## PROBLEM TO WORK ON
Search the data for the string "IfcSite", and report each line where it is found.

━━━ DATA FOR THIS TASK ━━━

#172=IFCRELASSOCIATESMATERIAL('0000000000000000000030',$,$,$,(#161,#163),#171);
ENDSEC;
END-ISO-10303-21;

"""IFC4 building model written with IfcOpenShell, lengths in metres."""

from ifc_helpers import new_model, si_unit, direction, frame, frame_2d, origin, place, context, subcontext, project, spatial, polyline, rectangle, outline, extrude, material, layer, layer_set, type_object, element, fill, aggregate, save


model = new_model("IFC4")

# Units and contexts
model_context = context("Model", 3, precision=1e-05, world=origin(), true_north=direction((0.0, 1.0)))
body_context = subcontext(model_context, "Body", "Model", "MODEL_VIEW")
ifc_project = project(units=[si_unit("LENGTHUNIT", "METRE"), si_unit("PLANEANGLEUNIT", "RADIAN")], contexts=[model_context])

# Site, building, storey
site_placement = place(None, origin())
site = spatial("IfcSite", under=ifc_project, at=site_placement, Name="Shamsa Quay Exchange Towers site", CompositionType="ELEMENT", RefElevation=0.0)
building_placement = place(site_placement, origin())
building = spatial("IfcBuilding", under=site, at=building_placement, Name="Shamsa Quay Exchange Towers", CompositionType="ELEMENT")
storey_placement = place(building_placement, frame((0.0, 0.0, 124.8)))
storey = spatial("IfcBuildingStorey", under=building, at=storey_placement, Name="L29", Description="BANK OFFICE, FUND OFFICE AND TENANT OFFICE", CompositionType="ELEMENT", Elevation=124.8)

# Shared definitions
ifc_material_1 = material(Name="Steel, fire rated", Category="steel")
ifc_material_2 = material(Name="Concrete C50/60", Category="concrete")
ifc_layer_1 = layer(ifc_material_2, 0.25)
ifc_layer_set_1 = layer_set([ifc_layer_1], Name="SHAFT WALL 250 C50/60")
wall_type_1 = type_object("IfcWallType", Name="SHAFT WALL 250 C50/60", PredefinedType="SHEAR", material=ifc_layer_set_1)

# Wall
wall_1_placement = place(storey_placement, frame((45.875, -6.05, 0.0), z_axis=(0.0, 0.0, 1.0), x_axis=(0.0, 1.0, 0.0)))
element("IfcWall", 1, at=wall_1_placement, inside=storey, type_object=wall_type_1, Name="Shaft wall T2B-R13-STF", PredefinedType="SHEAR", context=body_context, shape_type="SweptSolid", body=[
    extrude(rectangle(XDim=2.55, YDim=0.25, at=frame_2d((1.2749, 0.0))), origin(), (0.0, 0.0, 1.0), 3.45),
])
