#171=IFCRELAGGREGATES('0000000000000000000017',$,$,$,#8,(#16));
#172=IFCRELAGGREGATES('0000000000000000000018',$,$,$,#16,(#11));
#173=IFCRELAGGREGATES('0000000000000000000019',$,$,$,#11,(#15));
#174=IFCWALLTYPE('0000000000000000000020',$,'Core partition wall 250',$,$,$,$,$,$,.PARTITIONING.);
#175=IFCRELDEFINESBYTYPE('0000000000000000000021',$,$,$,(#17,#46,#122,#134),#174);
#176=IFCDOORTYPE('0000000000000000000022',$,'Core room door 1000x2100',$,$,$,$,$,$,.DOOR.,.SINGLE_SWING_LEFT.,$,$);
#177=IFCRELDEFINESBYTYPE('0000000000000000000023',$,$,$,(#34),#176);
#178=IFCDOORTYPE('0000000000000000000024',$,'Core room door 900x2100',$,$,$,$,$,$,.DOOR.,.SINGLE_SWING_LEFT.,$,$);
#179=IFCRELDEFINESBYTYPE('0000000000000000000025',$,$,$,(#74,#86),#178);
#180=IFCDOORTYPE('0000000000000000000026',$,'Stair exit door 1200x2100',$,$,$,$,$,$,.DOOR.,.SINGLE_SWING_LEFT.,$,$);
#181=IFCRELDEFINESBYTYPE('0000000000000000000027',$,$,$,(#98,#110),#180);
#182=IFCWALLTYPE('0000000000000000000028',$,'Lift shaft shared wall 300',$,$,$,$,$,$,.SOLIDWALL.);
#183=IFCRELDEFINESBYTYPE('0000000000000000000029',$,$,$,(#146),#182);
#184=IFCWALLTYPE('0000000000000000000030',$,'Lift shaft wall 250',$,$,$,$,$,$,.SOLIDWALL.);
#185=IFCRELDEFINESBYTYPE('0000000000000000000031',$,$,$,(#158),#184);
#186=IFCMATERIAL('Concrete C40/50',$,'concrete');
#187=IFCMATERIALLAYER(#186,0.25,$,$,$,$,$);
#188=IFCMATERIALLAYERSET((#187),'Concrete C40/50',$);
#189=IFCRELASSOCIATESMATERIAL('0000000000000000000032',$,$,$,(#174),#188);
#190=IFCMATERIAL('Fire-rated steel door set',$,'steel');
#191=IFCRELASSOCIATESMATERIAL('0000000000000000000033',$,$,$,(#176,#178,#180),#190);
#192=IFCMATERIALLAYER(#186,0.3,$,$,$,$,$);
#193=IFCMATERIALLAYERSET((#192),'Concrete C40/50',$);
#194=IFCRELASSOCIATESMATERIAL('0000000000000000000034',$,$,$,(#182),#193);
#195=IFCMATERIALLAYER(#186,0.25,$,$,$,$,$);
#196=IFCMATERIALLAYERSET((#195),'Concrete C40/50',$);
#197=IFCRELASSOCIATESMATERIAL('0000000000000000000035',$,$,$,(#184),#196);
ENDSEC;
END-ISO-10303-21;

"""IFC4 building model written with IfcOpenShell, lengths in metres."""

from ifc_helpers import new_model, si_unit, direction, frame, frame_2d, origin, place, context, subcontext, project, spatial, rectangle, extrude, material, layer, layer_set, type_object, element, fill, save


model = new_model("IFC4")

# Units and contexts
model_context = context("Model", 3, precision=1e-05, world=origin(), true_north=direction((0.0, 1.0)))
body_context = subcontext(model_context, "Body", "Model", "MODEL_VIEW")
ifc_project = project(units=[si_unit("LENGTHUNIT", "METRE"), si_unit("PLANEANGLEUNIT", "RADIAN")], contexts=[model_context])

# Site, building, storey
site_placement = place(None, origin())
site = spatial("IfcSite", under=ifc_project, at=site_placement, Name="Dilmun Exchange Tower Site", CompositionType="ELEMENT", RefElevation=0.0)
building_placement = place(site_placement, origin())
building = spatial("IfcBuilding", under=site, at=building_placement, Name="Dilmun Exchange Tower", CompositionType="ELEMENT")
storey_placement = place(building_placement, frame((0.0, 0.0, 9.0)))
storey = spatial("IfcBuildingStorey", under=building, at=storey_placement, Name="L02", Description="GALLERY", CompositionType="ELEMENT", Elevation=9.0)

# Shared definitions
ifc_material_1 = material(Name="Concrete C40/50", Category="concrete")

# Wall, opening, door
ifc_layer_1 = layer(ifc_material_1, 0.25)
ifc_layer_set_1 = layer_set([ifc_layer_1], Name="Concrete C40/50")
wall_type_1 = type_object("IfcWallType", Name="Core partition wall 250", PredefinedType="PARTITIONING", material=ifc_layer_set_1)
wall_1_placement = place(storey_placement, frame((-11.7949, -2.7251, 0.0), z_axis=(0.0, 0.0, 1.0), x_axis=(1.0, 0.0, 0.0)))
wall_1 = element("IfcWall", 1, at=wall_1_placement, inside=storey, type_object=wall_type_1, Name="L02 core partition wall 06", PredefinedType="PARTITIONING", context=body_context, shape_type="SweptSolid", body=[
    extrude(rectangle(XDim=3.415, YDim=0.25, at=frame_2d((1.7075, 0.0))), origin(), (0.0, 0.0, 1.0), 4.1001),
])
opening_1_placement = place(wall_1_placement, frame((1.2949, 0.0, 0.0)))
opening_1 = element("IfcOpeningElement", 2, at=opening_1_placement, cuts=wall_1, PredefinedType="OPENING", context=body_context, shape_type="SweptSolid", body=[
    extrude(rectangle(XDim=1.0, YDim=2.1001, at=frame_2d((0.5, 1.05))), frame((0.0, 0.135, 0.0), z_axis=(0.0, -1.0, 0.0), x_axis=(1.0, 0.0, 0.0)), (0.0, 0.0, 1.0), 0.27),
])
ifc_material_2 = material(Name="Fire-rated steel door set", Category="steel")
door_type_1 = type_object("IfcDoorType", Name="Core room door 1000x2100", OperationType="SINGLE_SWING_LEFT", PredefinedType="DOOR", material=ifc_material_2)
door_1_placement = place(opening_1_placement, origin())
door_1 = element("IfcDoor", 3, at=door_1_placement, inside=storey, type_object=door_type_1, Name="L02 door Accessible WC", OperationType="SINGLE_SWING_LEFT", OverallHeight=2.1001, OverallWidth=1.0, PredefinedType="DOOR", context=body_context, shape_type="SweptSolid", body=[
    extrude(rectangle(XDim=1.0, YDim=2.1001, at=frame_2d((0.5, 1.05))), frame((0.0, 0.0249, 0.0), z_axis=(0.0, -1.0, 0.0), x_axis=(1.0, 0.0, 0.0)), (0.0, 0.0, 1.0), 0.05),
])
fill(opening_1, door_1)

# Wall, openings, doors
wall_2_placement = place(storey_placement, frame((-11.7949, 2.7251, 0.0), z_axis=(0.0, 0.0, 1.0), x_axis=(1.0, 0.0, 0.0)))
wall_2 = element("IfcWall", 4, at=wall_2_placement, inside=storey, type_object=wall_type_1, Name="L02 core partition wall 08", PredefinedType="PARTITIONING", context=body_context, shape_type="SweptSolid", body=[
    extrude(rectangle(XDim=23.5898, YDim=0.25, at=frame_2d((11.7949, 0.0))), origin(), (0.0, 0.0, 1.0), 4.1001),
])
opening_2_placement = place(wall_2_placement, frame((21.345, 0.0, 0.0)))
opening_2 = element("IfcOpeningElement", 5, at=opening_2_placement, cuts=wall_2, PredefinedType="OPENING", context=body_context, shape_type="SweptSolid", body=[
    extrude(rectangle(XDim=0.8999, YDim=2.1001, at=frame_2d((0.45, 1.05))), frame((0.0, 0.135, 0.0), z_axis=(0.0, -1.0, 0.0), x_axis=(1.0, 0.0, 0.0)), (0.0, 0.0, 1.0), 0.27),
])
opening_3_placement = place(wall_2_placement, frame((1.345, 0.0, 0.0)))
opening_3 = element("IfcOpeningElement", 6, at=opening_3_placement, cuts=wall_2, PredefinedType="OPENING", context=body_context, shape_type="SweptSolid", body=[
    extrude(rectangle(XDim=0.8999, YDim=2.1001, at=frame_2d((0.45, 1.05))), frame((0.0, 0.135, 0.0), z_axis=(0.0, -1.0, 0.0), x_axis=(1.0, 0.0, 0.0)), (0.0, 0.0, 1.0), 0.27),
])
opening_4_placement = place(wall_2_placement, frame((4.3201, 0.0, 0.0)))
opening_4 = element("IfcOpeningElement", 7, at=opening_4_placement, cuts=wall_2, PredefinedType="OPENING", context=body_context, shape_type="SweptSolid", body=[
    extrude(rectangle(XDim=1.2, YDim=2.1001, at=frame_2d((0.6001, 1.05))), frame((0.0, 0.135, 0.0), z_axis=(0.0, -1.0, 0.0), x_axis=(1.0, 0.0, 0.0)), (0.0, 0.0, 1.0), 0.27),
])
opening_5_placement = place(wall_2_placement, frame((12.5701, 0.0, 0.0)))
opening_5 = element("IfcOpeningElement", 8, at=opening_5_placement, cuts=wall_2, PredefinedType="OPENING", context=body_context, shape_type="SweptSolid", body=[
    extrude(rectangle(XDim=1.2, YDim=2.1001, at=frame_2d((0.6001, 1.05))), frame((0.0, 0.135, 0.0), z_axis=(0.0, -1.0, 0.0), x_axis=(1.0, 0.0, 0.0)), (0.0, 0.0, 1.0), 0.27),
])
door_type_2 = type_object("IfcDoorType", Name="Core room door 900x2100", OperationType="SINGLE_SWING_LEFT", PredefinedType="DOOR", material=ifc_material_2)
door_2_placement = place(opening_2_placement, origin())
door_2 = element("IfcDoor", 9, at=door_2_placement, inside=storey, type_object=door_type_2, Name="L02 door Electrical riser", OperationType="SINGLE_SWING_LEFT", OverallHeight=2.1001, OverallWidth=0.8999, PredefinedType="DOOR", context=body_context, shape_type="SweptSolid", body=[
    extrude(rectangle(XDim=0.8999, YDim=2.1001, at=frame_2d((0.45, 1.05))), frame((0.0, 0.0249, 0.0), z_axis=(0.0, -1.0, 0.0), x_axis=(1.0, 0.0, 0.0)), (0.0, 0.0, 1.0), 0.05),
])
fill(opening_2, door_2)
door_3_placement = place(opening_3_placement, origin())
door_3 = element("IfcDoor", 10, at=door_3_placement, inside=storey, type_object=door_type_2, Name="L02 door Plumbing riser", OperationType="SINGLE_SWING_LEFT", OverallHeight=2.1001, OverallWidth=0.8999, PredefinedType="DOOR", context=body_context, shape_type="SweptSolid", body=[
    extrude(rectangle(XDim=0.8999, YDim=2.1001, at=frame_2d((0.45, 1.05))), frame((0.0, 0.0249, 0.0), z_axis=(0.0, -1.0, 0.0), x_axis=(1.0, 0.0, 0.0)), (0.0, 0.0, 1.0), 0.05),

━━━

## TASK RESPONSE
site = spatial("IfcSite", under=ifc_project, at=site_placement, Name="Shamsa Quay Exchange Towers site", CompositionType="ELEMENT", RefElevation=0.0)
site = spatial("IfcSite", under=ifc_project, at=site_placement, Name="Dilmun Exchange Tower Site", CompositionType="ELEMENT", RefElevation=0.0)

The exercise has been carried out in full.